PROVIDED DATA Block Start

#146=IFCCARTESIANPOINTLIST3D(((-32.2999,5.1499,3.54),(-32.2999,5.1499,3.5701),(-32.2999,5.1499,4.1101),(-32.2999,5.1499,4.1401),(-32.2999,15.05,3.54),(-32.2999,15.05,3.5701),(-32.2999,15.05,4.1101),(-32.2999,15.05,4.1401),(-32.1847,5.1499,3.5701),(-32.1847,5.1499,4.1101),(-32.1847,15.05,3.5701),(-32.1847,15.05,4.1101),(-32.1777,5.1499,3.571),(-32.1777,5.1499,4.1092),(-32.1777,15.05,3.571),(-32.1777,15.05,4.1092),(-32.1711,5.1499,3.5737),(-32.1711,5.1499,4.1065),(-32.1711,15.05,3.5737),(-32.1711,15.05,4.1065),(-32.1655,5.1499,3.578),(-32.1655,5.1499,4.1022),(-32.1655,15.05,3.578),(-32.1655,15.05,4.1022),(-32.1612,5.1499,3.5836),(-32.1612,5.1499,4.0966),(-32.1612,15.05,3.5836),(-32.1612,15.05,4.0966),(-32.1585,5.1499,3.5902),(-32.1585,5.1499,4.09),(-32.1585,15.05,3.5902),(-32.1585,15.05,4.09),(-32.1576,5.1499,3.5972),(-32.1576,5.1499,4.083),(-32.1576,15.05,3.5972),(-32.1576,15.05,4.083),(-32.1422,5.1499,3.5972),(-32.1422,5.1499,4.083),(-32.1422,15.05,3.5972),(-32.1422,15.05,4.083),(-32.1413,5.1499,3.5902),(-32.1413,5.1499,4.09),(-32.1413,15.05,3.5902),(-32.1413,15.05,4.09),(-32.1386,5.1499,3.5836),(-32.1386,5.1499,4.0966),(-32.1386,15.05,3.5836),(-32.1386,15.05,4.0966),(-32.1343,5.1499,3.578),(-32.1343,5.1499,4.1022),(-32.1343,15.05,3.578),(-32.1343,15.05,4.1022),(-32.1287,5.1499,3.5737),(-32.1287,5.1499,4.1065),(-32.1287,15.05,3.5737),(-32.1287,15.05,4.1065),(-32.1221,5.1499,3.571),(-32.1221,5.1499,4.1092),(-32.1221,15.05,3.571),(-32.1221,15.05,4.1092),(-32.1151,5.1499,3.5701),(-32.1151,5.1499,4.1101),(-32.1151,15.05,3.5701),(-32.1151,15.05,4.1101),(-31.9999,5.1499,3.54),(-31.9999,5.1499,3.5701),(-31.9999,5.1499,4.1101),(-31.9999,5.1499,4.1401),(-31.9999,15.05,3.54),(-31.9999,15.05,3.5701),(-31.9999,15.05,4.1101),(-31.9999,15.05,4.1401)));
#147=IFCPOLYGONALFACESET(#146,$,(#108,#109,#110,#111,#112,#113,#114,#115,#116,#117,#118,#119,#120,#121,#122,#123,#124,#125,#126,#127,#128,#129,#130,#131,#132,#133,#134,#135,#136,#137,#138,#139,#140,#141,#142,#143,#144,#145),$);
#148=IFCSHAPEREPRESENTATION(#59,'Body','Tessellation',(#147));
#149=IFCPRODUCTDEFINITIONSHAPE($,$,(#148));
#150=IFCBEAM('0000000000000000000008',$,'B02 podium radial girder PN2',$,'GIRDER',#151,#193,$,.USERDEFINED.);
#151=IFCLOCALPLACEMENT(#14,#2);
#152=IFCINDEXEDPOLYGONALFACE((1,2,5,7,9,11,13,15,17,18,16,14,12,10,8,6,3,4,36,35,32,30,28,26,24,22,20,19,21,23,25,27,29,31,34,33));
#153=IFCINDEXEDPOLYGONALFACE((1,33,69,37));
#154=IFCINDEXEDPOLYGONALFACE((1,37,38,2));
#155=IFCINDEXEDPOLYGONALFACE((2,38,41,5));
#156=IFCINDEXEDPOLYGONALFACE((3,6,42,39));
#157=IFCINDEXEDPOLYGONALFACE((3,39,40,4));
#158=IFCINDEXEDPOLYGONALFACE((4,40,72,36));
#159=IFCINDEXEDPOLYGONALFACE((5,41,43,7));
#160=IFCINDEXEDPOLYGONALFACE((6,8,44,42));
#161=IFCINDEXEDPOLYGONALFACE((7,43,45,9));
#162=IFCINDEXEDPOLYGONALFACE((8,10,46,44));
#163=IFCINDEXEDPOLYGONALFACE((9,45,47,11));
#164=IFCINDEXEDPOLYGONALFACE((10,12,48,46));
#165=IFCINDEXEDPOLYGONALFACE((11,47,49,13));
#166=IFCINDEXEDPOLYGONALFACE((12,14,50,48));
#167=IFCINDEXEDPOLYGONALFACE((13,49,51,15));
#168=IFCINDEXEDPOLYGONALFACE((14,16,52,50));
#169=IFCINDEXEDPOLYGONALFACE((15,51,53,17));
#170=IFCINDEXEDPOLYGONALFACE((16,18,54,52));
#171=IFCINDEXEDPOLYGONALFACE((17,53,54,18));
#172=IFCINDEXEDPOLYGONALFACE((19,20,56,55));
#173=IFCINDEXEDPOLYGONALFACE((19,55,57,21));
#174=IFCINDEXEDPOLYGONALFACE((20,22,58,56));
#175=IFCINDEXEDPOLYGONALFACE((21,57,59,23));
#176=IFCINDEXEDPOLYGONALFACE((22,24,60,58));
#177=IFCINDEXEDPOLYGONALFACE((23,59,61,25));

PROVIDED DATA Block End

● YOUR TASK: Your reply should be the lines from the one that contains "#159=IFCINDEXEDPOLYGONALFACE((5,41,43,7));" through the end of the listing above, repeated exactly.

● WRITTEN RESPONSE:
#159=IFCINDEXEDPOLYGONALFACE((5,41,43,7));
#160=IFCINDEXEDPOLYGONALFACE((6,8,44,42));
#161=IFCINDEXEDPOLYGONALFACE((7,43,45,9));
#162=IFCINDEXEDPOLYGONALFACE((8,10,46,44));
#163=IFCINDEXEDPOLYGONALFACE((9,45,47,11));
#164=IFCINDEXEDPOLYGONALFACE((10,12,48,46));
#165=IFCINDEXEDPOLYGONALFACE((11,47,49,13));
#166=IFCINDEXEDPOLYGONALFACE((12,14,50,48));
#167=IFCINDEXEDPOLYGONALFACE((13,49,51,15));
#168=IFCINDEXEDPOLYGONALFACE((14,16,52,50));
#169=IFCINDEXEDPOLYGONALFACE((15,51,53,17));
#170=IFCINDEXEDPOLYGONALFACE((16,18,54,52));
#171=IFCINDEXEDPOLYGONALFACE((17,53,54,18));
#172=IFCINDEXEDPOLYGONALFACE((19,20,56,55));
#173=IFCINDEXEDPOLYGONALFACE((19,55,57,21));
#174=IFCINDEXEDPOLYGONALFACE((20,22,58,56));
#175=IFCINDEXEDPOLYGONALFACE((21,57,59,23));
#176=IFCINDEXEDPOLYGONALFACE((22,24,60,58));
#177=IFCINDEXEDPOLYGONALFACE((23,59,61,25));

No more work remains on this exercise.